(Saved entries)
--- --- ---

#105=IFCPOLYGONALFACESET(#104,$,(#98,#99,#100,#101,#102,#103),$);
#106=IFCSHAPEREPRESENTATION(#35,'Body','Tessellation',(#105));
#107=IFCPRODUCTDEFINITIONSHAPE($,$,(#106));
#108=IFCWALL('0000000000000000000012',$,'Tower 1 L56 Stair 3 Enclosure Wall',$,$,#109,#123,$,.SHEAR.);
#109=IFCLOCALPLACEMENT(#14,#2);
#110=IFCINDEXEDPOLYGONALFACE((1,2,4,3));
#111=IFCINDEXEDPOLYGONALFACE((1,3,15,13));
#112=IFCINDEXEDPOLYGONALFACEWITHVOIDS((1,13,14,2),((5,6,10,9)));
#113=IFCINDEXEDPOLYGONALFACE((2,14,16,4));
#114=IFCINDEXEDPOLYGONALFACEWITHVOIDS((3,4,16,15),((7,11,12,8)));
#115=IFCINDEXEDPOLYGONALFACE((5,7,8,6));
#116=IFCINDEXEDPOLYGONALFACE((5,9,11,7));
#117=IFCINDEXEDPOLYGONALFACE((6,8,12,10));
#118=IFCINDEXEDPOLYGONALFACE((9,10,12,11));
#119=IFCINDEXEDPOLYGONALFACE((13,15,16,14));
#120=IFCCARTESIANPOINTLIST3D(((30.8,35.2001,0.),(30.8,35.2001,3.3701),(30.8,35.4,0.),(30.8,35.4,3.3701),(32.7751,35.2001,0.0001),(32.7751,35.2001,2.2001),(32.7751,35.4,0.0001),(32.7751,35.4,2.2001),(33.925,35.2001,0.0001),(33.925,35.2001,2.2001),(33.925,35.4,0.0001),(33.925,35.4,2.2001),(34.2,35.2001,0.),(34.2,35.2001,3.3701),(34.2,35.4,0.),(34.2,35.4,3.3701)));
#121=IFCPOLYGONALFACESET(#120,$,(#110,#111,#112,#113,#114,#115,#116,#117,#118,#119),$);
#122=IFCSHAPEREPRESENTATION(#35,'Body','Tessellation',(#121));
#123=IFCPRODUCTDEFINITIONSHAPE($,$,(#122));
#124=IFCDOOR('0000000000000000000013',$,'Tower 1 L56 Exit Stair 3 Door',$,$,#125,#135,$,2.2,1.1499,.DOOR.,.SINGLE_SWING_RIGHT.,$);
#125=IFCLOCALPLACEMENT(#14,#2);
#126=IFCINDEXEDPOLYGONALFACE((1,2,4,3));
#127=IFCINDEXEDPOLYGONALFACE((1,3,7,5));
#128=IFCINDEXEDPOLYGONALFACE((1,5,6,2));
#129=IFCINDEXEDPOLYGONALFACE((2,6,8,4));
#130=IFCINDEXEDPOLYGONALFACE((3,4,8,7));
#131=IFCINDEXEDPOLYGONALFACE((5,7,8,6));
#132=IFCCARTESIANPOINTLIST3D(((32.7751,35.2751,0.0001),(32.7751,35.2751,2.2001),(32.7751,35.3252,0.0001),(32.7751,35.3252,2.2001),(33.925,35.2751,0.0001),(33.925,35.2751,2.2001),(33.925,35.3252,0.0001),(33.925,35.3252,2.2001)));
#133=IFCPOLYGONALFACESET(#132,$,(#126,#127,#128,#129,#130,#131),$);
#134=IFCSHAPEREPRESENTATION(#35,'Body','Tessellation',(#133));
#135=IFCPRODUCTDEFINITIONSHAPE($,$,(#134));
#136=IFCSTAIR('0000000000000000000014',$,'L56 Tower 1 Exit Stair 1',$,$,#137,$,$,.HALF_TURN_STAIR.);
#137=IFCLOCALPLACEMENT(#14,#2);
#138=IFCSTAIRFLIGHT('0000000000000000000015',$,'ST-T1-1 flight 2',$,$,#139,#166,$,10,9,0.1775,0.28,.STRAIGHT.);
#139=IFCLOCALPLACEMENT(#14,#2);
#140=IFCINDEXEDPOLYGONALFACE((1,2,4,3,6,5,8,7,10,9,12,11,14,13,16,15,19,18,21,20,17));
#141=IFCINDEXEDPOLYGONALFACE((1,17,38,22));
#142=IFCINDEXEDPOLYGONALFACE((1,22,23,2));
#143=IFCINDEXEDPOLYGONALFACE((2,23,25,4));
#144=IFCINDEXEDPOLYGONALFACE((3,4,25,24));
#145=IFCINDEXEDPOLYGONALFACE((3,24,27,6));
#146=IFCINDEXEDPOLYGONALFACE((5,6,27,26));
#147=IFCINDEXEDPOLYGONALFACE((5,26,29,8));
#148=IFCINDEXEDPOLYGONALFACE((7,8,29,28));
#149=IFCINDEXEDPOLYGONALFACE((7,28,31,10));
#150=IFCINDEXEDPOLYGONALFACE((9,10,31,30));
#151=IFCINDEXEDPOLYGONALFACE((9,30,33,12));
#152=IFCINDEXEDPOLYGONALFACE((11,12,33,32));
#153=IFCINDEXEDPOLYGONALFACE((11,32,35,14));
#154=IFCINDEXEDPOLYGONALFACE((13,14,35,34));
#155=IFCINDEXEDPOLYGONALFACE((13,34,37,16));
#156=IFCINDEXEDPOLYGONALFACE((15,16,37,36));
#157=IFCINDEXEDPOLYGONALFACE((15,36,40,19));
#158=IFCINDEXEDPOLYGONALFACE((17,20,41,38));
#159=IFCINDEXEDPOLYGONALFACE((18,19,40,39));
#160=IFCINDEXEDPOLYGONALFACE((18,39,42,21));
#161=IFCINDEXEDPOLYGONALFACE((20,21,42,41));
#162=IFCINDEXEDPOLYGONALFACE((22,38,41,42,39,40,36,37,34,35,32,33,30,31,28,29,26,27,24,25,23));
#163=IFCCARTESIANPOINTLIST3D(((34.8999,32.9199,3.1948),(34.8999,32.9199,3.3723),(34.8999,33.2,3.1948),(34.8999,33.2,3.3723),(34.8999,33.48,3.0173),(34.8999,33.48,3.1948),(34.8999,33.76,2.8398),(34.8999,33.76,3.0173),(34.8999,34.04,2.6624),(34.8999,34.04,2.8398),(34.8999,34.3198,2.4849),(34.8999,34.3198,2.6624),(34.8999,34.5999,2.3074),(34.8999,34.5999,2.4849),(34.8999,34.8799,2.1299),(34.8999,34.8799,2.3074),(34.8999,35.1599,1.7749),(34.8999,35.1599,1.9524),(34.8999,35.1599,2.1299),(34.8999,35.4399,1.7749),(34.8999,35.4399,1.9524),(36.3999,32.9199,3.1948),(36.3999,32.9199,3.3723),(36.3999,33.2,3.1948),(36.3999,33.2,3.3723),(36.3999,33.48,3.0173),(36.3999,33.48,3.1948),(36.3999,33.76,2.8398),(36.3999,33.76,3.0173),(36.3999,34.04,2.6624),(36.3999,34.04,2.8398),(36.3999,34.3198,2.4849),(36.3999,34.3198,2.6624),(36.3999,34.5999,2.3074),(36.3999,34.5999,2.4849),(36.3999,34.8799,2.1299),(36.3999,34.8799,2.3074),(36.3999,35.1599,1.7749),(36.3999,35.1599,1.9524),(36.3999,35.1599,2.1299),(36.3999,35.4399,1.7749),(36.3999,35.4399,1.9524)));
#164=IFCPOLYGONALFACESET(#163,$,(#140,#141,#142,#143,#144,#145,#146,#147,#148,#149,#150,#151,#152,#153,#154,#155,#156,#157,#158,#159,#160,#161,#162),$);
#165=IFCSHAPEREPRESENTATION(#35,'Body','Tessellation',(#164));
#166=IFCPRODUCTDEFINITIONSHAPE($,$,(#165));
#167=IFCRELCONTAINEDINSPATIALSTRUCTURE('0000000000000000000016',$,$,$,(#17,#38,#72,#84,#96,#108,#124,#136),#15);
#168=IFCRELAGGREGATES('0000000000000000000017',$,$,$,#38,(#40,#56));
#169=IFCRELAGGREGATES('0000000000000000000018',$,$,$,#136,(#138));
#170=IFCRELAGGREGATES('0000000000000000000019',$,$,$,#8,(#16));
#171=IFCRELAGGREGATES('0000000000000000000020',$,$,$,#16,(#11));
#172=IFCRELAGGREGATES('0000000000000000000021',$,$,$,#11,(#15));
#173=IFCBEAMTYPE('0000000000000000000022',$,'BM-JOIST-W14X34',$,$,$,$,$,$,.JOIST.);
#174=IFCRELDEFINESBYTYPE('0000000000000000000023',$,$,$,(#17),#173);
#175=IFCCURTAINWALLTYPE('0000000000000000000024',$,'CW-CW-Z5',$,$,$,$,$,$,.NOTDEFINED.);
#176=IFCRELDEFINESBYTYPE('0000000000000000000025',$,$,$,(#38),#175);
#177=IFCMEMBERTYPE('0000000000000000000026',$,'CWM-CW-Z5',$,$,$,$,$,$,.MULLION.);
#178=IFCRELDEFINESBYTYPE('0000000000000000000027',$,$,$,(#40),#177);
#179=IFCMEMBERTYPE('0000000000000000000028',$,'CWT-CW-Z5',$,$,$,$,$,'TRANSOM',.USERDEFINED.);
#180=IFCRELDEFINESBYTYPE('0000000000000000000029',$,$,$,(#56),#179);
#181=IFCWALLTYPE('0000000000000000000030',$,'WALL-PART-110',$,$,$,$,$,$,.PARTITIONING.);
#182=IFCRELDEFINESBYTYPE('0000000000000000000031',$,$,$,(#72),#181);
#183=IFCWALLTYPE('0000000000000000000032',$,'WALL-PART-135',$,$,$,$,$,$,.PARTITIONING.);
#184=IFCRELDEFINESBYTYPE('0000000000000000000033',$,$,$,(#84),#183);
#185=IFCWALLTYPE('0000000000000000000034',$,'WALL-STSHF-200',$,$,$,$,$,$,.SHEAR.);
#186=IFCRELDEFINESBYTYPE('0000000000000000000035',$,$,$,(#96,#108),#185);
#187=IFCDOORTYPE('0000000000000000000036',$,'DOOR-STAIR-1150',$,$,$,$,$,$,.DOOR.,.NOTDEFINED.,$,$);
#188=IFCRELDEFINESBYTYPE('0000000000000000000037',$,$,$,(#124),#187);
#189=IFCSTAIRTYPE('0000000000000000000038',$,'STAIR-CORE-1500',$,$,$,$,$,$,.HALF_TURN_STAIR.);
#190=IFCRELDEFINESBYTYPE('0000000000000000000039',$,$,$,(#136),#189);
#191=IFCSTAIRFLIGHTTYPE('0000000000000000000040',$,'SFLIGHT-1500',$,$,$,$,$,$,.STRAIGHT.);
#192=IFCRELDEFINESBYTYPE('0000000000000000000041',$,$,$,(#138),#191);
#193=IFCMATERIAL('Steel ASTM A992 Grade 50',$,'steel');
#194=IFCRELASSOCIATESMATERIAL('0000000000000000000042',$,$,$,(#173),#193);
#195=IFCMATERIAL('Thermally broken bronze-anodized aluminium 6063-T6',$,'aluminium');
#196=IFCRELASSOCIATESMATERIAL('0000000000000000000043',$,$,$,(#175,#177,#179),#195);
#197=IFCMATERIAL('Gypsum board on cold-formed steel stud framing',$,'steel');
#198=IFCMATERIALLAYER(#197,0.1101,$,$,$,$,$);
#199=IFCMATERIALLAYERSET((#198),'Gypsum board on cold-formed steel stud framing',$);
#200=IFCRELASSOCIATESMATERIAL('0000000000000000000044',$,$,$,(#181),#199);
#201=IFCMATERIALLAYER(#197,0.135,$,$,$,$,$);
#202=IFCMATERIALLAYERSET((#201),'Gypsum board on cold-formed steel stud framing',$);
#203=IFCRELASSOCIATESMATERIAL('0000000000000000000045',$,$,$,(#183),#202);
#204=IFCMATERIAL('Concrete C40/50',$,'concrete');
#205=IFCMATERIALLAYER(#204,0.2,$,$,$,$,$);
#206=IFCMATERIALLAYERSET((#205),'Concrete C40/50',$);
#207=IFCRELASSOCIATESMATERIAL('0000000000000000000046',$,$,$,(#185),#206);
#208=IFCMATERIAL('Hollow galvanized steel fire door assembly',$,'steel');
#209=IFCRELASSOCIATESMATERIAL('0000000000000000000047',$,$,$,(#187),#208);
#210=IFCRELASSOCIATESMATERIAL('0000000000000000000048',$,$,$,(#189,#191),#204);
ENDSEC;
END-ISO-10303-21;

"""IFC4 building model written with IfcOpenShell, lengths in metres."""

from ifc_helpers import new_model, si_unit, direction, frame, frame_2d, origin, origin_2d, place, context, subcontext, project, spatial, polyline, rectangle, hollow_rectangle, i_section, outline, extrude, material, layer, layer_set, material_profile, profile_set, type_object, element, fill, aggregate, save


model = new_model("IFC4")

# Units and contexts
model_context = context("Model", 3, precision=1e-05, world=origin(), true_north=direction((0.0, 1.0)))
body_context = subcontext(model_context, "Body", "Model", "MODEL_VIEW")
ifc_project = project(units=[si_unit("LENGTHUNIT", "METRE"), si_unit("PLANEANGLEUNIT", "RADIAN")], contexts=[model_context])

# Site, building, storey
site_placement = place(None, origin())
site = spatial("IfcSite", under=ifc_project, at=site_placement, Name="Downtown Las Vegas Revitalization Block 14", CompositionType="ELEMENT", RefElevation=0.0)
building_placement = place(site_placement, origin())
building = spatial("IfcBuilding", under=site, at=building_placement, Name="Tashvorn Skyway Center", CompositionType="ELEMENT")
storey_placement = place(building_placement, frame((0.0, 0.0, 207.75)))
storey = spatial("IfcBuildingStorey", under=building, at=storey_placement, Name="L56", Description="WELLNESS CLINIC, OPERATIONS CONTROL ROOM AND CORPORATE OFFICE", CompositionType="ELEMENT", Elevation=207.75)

--- --- ---

■ Brief
All lines above from the one with "#146=IFCINDEXEDPOLYGONALFACE((5,6,27,26));" to the one with "#157=IFCINDEXEDPOLYGONALFACE((15,36,40,19));", inclusive, should be copied exactly, and no other lines.

■ Expected output
#146=IFCINDEXEDPOLYGONALFACE((5,6,27,26));
#147=IFCINDEXEDPOLYGONALFACE((5,26,29,8));
#148=IFCINDEXEDPOLYGONALFACE((7,8,29,28));
#149=IFCINDEXEDPOLYGONALFACE((7,28,31,10));
#150=IFCINDEXEDPOLYGONALFACE((9,10,31,30));
#151=IFCINDEXEDPOLYGONALFACE((9,30,33,12));
#152=IFCINDEXEDPOLYGONALFACE((11,12,33,32));
#153=IFCINDEXEDPOLYGONALFACE((11,32,35,14));
#154=IFCINDEXEDPOLYGONALFACE((13,14,35,34));
#155=IFCINDEXEDPOLYGONALFACE((13,34,37,16));
#156=IFCINDEXEDPOLYGONALFACE((15,16,37,36));
#157=IFCINDEXEDPOLYGONALFACE((15,36,40,19));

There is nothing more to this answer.